═════ Supplied information ═════

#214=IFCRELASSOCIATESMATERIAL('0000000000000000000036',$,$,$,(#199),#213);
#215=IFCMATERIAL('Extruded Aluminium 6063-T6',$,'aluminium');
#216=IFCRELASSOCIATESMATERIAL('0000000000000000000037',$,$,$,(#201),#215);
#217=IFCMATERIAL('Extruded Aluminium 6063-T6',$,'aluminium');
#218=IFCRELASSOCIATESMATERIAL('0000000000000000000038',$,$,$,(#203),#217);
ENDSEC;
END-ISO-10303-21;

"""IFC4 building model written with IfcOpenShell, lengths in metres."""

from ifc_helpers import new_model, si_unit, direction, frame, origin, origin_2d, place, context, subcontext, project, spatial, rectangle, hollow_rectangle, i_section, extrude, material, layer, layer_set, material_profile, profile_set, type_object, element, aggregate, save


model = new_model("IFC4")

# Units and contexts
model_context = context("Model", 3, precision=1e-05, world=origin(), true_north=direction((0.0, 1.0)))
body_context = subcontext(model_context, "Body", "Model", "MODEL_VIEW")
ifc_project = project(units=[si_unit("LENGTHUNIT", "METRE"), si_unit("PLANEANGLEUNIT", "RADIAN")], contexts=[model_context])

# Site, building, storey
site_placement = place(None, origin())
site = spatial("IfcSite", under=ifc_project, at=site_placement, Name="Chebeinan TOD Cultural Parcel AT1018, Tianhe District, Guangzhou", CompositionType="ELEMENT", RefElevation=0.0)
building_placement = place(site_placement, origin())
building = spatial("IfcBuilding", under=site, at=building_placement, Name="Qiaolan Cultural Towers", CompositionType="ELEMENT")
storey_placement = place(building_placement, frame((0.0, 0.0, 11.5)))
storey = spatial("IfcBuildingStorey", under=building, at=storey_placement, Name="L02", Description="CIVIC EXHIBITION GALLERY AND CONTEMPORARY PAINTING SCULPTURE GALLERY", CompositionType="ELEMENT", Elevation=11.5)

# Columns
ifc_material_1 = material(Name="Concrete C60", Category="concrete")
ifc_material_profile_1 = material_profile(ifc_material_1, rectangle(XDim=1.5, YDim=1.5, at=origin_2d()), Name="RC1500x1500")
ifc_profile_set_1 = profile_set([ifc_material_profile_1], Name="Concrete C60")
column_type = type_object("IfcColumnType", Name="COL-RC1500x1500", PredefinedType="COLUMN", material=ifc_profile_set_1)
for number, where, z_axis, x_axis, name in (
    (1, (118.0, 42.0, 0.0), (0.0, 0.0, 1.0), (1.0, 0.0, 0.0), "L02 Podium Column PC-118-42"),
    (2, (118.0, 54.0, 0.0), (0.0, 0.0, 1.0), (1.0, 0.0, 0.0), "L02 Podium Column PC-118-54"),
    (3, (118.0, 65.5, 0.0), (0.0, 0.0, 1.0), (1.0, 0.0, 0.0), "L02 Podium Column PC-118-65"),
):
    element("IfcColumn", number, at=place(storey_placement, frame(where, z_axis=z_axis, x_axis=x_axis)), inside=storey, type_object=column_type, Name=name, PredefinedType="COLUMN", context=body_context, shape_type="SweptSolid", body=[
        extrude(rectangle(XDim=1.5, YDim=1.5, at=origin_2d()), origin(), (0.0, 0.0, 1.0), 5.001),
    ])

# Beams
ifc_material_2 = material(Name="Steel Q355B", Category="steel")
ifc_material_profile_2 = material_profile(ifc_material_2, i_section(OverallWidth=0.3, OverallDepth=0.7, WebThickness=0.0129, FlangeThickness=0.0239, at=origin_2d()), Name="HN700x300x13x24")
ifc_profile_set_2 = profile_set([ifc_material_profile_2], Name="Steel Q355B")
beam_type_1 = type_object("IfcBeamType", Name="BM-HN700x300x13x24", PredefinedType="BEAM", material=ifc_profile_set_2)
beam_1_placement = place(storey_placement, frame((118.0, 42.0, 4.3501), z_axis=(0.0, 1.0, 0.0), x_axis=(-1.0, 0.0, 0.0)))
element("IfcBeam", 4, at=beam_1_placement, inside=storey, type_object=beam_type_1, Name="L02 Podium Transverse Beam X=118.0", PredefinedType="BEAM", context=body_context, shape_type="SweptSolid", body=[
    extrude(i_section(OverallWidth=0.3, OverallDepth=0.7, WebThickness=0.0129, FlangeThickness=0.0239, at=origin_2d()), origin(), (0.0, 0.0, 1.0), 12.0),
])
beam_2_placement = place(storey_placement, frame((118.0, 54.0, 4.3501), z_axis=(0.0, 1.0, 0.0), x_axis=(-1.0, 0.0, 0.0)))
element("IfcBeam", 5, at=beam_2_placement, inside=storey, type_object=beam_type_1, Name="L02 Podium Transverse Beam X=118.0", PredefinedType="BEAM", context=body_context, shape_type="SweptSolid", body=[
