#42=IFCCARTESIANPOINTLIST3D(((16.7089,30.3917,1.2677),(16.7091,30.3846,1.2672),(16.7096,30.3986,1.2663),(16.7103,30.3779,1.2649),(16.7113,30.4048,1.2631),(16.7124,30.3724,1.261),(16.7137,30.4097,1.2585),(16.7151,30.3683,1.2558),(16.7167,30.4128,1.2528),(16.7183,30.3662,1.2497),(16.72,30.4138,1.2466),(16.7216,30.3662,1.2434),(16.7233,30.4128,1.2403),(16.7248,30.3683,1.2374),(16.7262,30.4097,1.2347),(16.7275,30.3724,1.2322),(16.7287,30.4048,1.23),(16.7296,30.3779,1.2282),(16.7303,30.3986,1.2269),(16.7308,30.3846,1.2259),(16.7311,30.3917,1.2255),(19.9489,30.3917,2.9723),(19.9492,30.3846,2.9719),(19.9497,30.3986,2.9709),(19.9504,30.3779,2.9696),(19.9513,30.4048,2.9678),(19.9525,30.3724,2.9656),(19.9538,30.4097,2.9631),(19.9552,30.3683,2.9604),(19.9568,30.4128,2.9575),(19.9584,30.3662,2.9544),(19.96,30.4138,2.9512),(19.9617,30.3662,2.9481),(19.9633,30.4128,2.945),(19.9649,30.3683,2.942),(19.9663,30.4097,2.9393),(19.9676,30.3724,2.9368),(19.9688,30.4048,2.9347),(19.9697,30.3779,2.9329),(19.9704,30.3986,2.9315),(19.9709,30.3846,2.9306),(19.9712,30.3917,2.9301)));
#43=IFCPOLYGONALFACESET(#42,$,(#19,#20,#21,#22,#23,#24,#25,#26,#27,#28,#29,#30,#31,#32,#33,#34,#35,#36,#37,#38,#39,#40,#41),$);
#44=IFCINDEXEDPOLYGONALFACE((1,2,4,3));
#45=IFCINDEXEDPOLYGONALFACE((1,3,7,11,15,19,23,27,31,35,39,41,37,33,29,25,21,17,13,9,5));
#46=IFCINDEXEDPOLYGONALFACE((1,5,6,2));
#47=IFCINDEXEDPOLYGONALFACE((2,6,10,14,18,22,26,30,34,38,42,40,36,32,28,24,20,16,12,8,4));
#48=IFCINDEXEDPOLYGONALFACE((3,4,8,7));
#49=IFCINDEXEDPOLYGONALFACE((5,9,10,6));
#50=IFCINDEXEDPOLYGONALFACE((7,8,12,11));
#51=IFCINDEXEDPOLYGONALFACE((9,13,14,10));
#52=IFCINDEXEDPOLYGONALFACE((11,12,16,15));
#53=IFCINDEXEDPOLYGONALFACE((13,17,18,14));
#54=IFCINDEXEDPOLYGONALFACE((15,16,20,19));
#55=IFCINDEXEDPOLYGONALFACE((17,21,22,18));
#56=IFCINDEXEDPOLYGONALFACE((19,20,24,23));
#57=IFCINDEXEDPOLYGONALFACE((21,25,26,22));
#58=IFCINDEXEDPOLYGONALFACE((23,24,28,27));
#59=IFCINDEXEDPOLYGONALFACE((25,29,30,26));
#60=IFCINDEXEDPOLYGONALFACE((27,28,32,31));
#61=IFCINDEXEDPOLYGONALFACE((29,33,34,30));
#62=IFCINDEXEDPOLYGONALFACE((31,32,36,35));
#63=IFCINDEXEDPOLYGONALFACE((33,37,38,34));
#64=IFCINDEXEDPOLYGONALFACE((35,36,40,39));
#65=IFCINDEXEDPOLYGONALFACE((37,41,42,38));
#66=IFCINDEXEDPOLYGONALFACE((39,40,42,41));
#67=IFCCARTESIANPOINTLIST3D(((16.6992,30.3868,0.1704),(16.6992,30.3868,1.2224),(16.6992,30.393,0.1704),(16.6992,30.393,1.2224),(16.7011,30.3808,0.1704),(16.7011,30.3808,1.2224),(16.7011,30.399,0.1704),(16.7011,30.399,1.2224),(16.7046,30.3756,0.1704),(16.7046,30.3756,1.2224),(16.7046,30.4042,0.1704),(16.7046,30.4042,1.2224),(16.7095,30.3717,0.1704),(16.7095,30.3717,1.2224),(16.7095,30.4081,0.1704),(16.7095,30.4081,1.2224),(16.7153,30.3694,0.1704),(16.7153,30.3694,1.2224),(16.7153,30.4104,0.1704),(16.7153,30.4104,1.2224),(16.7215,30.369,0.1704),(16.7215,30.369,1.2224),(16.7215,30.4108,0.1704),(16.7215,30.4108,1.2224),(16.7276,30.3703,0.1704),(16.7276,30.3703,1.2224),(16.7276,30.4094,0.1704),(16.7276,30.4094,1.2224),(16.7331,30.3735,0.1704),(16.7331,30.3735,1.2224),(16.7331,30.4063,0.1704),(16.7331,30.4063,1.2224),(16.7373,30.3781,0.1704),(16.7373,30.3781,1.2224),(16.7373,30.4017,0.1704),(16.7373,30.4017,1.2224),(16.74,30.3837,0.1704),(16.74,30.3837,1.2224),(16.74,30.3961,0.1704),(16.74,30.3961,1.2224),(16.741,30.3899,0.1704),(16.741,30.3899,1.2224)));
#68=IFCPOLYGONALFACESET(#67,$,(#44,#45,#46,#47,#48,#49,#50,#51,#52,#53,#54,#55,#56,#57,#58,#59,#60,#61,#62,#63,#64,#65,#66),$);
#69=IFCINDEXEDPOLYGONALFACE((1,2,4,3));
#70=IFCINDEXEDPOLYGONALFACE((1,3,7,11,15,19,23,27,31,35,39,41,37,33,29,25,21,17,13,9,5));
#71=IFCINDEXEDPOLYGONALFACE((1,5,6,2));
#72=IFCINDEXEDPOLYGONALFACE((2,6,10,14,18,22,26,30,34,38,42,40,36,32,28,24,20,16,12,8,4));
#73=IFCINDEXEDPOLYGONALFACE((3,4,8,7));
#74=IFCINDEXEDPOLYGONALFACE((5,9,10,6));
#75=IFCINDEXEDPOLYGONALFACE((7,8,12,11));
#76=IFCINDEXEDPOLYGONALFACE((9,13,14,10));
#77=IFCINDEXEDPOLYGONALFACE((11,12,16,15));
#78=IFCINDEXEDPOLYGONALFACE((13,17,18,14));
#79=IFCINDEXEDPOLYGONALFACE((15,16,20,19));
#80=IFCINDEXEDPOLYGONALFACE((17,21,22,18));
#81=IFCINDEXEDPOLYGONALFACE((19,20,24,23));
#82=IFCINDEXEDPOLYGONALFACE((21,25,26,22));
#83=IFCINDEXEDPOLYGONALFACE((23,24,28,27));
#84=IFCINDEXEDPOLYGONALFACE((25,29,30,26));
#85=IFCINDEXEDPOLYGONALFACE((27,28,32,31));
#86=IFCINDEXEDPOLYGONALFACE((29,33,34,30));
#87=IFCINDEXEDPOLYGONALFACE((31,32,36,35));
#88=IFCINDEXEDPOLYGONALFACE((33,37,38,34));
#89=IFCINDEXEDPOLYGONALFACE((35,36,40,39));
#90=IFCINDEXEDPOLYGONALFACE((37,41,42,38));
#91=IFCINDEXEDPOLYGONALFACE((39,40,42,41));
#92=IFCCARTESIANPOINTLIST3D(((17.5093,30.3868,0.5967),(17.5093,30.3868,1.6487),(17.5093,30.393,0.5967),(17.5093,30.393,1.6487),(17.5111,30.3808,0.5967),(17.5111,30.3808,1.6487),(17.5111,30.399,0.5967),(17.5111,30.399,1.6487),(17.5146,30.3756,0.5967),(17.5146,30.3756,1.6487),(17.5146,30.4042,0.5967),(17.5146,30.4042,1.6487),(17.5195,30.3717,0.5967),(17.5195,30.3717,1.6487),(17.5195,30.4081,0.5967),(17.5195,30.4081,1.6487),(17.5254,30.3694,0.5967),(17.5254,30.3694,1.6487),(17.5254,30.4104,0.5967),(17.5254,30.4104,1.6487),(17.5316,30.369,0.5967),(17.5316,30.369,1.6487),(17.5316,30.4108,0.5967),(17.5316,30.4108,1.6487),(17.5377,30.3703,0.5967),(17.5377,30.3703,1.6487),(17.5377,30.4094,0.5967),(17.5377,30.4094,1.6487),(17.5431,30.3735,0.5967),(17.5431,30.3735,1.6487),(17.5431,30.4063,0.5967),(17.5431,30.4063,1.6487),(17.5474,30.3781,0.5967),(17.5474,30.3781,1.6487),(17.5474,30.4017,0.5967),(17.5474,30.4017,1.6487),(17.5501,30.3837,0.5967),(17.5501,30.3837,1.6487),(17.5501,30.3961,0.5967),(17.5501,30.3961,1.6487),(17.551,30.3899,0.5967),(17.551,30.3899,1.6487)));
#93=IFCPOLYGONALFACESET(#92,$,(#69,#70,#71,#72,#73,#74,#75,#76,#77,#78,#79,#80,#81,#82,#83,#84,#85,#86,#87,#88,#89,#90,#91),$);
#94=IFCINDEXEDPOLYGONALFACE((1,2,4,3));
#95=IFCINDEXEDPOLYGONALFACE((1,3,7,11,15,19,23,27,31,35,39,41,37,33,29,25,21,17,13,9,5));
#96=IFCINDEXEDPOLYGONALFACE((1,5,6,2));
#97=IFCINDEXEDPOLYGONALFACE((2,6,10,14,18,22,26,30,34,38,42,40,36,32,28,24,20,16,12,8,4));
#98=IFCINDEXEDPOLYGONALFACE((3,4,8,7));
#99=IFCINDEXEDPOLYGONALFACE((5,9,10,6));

═════

In the preceding material, find each line holding the word "IFCRELASSOCIATESMATERIAL" and copy it out.

■ Answer section
#214=IFCRELASSOCIATESMATERIAL('0000000000000000000036',$,$,$,(#199),#213);
#216=IFCRELASSOCIATESMATERIAL('0000000000000000000037',$,$,$,(#201),#215);
#218=IFCRELASSOCIATESMATERIAL('0000000000000000000038',$,$,$,(#203),#217);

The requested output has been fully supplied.